### Exercise materials

++++

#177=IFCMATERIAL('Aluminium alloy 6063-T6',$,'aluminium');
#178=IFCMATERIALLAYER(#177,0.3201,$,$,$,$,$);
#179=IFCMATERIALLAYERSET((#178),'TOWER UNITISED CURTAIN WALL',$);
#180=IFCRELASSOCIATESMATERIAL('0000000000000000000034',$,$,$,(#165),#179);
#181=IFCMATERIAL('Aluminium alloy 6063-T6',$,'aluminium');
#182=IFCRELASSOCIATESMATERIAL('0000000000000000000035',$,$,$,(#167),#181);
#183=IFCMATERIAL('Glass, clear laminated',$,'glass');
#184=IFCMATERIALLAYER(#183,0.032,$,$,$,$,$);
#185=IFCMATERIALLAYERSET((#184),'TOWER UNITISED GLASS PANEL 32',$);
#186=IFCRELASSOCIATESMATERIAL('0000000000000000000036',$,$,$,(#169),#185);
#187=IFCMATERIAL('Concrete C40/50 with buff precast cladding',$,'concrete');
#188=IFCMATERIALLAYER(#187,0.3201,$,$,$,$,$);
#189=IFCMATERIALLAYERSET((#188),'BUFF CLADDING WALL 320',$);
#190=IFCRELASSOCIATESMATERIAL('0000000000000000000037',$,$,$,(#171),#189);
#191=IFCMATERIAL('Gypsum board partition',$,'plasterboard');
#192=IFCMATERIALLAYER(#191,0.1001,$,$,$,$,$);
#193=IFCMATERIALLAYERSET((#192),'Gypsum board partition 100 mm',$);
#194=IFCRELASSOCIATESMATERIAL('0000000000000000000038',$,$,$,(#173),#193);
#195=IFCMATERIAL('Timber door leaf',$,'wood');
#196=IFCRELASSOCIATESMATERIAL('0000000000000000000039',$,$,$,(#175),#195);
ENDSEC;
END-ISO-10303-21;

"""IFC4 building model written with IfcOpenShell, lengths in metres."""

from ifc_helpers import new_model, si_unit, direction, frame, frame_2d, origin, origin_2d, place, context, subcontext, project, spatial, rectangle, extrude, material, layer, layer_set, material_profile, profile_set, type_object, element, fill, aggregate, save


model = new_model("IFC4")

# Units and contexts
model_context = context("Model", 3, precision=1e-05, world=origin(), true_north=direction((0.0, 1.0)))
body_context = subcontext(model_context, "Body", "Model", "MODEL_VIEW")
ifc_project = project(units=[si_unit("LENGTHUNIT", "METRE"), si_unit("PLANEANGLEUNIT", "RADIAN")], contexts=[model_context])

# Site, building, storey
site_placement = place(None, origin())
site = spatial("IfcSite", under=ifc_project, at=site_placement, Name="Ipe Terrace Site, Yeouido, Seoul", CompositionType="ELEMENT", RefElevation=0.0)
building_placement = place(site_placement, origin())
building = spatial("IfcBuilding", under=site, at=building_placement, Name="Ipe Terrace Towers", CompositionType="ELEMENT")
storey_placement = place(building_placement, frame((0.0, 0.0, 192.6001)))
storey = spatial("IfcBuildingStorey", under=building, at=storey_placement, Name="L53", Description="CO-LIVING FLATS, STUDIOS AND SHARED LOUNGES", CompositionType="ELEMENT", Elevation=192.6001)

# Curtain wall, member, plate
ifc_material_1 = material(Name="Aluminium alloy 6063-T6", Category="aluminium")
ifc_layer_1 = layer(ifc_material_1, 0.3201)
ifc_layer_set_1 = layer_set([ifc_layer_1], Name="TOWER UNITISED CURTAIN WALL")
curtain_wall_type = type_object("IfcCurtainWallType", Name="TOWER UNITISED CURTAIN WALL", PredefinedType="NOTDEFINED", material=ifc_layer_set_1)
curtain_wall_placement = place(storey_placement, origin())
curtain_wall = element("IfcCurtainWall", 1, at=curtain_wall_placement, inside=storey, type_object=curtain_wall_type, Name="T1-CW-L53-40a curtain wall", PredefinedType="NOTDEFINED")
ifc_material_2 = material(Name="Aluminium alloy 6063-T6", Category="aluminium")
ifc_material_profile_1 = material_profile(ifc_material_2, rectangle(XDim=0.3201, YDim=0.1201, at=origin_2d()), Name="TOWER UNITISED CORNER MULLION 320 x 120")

++++

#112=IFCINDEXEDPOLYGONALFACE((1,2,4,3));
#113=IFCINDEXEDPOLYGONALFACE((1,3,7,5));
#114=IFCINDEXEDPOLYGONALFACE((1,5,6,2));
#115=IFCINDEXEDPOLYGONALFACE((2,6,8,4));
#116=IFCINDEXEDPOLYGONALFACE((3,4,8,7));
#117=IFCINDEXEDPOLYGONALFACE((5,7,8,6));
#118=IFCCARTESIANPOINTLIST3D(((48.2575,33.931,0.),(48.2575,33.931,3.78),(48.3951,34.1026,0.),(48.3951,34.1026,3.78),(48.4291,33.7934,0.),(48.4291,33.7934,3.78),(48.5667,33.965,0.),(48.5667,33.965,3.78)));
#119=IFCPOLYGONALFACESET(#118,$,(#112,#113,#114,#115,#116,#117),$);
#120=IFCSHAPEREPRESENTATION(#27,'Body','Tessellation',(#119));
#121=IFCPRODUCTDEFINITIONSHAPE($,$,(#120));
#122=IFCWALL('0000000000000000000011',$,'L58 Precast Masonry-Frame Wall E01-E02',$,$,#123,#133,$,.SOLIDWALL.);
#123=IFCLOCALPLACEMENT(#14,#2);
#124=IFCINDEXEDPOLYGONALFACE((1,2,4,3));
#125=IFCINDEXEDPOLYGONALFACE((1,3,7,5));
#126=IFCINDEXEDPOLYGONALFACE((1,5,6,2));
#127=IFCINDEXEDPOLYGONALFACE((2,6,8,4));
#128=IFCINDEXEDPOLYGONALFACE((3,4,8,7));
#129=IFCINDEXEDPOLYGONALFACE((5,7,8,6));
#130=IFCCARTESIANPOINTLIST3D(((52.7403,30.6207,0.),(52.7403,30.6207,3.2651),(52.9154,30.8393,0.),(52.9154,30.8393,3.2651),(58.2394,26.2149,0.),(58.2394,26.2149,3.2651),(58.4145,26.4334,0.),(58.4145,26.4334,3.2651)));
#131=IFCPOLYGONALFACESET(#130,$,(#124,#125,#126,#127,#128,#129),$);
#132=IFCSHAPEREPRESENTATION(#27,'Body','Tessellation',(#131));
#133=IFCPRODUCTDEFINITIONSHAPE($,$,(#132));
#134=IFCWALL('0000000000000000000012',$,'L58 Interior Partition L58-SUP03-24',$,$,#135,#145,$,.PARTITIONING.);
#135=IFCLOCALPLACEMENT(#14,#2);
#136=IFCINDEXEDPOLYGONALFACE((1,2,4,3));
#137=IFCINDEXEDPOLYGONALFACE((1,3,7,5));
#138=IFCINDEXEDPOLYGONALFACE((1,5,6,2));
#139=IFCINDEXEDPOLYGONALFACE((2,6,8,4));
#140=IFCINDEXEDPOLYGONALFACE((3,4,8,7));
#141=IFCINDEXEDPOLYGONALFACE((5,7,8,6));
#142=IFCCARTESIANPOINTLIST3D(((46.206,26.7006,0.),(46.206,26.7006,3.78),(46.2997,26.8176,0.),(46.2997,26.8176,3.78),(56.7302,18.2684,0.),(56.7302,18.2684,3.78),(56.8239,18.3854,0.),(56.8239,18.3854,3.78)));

++++

### Exercise aim
In the listing above, find the line containing "#177=IFCMATERIAL('Aluminium alloy 6063-T6',$,'aluminium');" and the line containing "#193=IFCMATERIALLAYERSET((#192),'Gypsum board partition". Output them and every line between, exactly, and nothing else.

### Task output
#177=IFCMATERIAL('Aluminium alloy 6063-T6',$,'aluminium');
#178=IFCMATERIALLAYER(#177,0.3201,$,$,$,$,$);
#179=IFCMATERIALLAYERSET((#178),'TOWER UNITISED CURTAIN WALL',$);
#180=IFCRELASSOCIATESMATERIAL('0000000000000000000034',$,$,$,(#165),#179);
#181=IFCMATERIAL('Aluminium alloy 6063-T6',$,'aluminium');
#182=IFCRELASSOCIATESMATERIAL('0000000000000000000035',$,$,$,(#167),#181);
#183=IFCMATERIAL('Glass, clear laminated',$,'glass');
#184=IFCMATERIALLAYER(#183,0.032,$,$,$,$,$);
#185=IFCMATERIALLAYERSET((#184),'TOWER UNITISED GLASS PANEL 32',$);
#186=IFCRELASSOCIATESMATERIAL('0000000000000000000036',$,$,$,(#169),#185);
#187=IFCMATERIAL('Concrete C40/50 with buff precast cladding',$,'concrete');
#188=IFCMATERIALLAYER(#187,0.3201,$,$,$,$,$);
#189=IFCMATERIALLAYERSET((#188),'BUFF CLADDING WALL 320',$);
#190=IFCRELASSOCIATESMATERIAL('0000000000000000000037',$,$,$,(#171),#189);
#191=IFCMATERIAL('Gypsum board partition',$,'plasterboard');
#192=IFCMATERIALLAYER(#191,0.1001,$,$,$,$,$);
#193=IFCMATERIALLAYERSET((#192),'Gypsum board partition 100 mm',$);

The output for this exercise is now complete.